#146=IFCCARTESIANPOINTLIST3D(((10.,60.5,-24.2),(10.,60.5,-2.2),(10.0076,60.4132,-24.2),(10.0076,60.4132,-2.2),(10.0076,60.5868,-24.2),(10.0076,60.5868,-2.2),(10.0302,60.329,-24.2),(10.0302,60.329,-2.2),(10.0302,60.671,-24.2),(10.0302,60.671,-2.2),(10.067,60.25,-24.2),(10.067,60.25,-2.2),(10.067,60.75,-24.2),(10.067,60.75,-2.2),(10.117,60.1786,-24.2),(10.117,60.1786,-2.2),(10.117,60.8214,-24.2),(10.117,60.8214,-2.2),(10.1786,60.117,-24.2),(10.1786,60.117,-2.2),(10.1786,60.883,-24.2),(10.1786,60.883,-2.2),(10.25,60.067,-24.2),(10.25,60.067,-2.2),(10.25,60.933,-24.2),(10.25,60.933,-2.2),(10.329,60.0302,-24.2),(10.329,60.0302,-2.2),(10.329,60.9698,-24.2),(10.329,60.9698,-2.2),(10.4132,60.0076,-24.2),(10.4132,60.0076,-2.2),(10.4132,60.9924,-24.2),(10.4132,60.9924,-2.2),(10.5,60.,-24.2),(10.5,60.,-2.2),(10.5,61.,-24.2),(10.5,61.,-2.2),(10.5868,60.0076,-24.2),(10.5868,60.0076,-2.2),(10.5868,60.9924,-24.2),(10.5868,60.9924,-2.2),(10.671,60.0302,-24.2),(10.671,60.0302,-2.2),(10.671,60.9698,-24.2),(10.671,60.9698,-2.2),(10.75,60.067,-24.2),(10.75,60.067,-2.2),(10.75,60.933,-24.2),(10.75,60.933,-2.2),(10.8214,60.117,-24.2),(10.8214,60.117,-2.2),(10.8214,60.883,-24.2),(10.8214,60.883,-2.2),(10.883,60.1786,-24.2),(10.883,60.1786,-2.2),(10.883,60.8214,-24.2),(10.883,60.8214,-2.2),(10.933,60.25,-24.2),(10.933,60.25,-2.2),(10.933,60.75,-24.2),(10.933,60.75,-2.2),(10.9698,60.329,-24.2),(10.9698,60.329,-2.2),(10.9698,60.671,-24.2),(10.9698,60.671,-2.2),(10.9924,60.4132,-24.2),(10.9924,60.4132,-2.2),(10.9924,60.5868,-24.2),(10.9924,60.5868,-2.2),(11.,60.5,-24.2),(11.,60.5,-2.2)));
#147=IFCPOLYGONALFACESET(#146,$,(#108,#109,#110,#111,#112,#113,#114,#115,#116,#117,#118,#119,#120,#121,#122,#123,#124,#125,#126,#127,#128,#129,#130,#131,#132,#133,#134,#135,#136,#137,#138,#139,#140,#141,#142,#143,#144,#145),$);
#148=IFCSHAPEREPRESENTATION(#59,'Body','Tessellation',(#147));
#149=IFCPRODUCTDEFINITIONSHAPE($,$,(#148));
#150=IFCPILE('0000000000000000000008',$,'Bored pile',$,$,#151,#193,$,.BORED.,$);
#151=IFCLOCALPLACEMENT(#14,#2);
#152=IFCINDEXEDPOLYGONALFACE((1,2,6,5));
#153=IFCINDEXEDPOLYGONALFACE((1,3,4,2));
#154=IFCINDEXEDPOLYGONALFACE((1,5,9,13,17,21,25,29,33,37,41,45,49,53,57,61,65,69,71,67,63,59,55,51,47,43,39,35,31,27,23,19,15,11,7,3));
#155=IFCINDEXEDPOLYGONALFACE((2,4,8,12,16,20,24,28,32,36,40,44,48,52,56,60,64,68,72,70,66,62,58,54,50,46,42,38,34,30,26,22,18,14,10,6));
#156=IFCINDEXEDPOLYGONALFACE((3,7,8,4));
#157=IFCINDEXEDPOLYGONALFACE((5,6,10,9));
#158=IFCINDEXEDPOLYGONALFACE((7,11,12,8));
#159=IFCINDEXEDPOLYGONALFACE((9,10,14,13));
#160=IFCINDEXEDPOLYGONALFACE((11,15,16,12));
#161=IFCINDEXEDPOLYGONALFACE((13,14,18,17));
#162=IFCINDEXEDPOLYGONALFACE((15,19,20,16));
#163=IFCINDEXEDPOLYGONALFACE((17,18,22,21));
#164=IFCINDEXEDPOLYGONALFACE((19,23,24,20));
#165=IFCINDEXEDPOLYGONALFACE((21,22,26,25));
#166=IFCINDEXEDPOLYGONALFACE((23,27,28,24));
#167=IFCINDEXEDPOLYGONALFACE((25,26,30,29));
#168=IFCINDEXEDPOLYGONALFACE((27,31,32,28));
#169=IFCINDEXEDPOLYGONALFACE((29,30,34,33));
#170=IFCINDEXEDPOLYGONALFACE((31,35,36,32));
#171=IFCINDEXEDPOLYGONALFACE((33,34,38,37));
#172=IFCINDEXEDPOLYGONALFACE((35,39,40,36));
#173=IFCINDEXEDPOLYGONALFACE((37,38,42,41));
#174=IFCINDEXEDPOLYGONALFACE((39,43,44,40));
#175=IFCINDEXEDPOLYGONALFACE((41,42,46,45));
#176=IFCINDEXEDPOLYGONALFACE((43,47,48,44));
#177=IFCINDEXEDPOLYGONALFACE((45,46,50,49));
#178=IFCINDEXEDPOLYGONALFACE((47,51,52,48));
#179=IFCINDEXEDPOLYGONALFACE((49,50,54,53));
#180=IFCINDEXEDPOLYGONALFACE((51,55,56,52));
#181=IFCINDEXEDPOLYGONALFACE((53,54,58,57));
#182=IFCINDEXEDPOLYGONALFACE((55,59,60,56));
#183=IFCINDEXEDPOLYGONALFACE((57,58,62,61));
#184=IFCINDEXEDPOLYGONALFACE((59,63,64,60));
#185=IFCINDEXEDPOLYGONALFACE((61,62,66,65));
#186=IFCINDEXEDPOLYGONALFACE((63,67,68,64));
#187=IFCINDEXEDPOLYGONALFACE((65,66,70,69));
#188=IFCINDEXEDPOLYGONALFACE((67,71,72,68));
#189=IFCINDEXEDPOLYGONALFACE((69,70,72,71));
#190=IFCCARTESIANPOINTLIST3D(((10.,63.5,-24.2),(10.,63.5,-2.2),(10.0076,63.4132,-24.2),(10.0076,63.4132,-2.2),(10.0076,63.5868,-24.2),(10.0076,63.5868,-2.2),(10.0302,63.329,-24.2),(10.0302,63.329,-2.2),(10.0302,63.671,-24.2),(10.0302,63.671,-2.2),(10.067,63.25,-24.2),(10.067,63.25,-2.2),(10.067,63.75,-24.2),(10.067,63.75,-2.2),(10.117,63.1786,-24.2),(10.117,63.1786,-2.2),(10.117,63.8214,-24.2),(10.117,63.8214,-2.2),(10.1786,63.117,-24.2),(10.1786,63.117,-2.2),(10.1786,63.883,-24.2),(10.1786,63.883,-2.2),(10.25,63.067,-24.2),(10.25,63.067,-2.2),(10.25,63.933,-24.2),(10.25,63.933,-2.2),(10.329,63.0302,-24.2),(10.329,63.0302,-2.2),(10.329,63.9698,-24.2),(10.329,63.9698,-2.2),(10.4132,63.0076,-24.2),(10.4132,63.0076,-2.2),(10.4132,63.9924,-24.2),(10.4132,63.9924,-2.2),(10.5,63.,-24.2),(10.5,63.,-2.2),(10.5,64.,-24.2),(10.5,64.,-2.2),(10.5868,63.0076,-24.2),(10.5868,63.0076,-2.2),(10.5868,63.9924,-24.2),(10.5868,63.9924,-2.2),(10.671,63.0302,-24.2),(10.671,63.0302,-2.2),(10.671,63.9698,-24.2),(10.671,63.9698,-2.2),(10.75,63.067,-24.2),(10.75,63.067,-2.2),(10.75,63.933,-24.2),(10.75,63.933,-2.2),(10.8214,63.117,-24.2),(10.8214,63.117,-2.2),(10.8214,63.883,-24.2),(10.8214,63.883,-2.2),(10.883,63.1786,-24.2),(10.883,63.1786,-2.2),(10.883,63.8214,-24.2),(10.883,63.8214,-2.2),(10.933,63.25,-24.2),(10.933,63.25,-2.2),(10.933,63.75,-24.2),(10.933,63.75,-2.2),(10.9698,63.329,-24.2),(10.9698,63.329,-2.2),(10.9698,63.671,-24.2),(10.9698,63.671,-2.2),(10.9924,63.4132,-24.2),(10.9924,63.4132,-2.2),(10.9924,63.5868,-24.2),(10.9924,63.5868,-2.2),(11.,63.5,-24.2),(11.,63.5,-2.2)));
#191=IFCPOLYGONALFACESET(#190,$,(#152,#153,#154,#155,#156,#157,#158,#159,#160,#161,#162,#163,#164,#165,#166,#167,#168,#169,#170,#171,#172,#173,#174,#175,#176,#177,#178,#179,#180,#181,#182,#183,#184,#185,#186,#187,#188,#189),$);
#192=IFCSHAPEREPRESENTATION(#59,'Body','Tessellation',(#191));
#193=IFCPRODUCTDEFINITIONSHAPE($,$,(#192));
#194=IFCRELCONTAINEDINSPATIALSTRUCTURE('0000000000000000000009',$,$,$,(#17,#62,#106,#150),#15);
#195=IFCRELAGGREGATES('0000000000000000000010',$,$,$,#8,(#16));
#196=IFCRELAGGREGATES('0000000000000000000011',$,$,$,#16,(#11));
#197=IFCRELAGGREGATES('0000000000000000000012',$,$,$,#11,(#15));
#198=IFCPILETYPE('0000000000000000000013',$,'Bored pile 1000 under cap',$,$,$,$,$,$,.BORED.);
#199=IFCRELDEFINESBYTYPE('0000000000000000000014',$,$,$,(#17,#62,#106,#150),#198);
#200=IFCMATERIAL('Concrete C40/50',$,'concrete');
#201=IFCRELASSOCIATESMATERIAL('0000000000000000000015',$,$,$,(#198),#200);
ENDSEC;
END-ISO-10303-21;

...

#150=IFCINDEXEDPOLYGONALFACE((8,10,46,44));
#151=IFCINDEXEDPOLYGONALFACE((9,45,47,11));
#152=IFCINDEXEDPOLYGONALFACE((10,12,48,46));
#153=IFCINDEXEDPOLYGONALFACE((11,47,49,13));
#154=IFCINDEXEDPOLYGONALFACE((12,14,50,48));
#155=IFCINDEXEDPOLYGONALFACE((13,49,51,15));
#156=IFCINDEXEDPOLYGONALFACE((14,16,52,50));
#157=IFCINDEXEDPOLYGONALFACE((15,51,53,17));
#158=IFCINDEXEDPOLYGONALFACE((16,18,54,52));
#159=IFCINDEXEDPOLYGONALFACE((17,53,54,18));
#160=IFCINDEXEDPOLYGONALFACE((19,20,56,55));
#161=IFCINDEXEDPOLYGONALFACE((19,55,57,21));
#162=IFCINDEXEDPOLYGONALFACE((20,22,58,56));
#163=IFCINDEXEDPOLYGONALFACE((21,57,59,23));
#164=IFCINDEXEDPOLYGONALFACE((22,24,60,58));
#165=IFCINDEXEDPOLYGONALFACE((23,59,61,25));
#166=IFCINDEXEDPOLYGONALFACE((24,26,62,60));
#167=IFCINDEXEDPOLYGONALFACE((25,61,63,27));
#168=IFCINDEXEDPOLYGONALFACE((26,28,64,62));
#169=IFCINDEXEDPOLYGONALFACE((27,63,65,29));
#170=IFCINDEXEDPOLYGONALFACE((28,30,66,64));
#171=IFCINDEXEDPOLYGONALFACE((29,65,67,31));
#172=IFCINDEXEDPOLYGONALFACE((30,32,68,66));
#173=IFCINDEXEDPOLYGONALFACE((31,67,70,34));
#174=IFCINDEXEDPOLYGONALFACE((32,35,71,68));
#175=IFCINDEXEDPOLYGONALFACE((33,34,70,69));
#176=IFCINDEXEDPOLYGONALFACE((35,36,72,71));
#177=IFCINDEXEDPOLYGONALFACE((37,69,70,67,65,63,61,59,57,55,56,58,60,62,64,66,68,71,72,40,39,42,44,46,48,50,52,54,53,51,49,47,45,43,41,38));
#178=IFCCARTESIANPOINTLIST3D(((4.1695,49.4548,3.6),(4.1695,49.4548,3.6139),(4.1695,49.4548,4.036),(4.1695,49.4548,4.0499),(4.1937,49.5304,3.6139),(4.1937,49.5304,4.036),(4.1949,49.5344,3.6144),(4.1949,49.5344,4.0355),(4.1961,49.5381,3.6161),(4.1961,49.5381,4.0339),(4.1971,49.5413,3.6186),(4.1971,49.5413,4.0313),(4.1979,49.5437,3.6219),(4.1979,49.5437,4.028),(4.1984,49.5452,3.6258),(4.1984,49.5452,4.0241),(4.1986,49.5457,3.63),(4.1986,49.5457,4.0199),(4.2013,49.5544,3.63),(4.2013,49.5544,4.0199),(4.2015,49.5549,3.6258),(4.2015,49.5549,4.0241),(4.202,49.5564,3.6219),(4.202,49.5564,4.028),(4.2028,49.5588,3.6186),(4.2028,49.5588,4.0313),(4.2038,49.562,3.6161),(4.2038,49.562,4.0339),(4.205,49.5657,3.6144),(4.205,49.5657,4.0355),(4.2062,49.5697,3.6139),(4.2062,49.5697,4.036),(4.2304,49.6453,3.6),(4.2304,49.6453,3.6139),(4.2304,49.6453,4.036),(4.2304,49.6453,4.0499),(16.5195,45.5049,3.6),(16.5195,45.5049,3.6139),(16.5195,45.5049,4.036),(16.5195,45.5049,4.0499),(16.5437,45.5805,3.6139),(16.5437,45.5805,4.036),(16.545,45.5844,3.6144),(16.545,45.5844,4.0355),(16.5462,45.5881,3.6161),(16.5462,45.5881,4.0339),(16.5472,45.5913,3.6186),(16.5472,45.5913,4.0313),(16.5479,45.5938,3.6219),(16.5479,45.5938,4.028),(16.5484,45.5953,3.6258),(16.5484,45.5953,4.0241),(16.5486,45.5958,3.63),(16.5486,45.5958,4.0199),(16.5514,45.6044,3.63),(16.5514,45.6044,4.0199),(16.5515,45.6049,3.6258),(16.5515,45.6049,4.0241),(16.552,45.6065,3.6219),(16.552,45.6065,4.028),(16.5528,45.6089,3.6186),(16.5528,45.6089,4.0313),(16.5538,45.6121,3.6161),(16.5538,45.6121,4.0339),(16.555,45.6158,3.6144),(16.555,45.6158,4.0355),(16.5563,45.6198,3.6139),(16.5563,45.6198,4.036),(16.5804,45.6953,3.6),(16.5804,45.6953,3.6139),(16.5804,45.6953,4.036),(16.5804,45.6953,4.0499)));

_Work item_
In the listing above, the lines from the one containing "#152=IFCINDEXEDPOLYGONALFACE((10,12,48,46));" through the one containing "#174=IFCINDEXEDPOLYGONALFACE((32,35,71,68));" must be set down exactly, with no other lines.

_Response area_
#152=IFCINDEXEDPOLYGONALFACE((10,12,48,46));
#153=IFCINDEXEDPOLYGONALFACE((11,47,49,13));
#154=IFCINDEXEDPOLYGONALFACE((12,14,50,48));
#155=IFCINDEXEDPOLYGONALFACE((13,49,51,15));
#156=IFCINDEXEDPOLYGONALFACE((14,16,52,50));
#157=IFCINDEXEDPOLYGONALFACE((15,51,53,17));
#158=IFCINDEXEDPOLYGONALFACE((16,18,54,52));
#159=IFCINDEXEDPOLYGONALFACE((17,53,54,18));
#160=IFCINDEXEDPOLYGONALFACE((19,20,56,55));
#161=IFCINDEXEDPOLYGONALFACE((19,55,57,21));
#162=IFCINDEXEDPOLYGONALFACE((20,22,58,56));
#163=IFCINDEXEDPOLYGONALFACE((21,57,59,23));
#164=IFCINDEXEDPOLYGONALFACE((22,24,60,58));
#165=IFCINDEXEDPOLYGONALFACE((23,59,61,25));
#166=IFCINDEXEDPOLYGONALFACE((24,26,62,60));
#167=IFCINDEXEDPOLYGONALFACE((25,61,63,27));
#168=IFCINDEXEDPOLYGONALFACE((26,28,64,62));
#169=IFCINDEXEDPOLYGONALFACE((27,63,65,29));
#170=IFCINDEXEDPOLYGONALFACE((28,30,66,64));
#171=IFCINDEXEDPOLYGONALFACE((29,65,67,31));
#172=IFCINDEXEDPOLYGONALFACE((30,32,68,66));
#173=IFCINDEXEDPOLYGONALFACE((31,67,70,34));
#174=IFCINDEXEDPOLYGONALFACE((32,35,71,68));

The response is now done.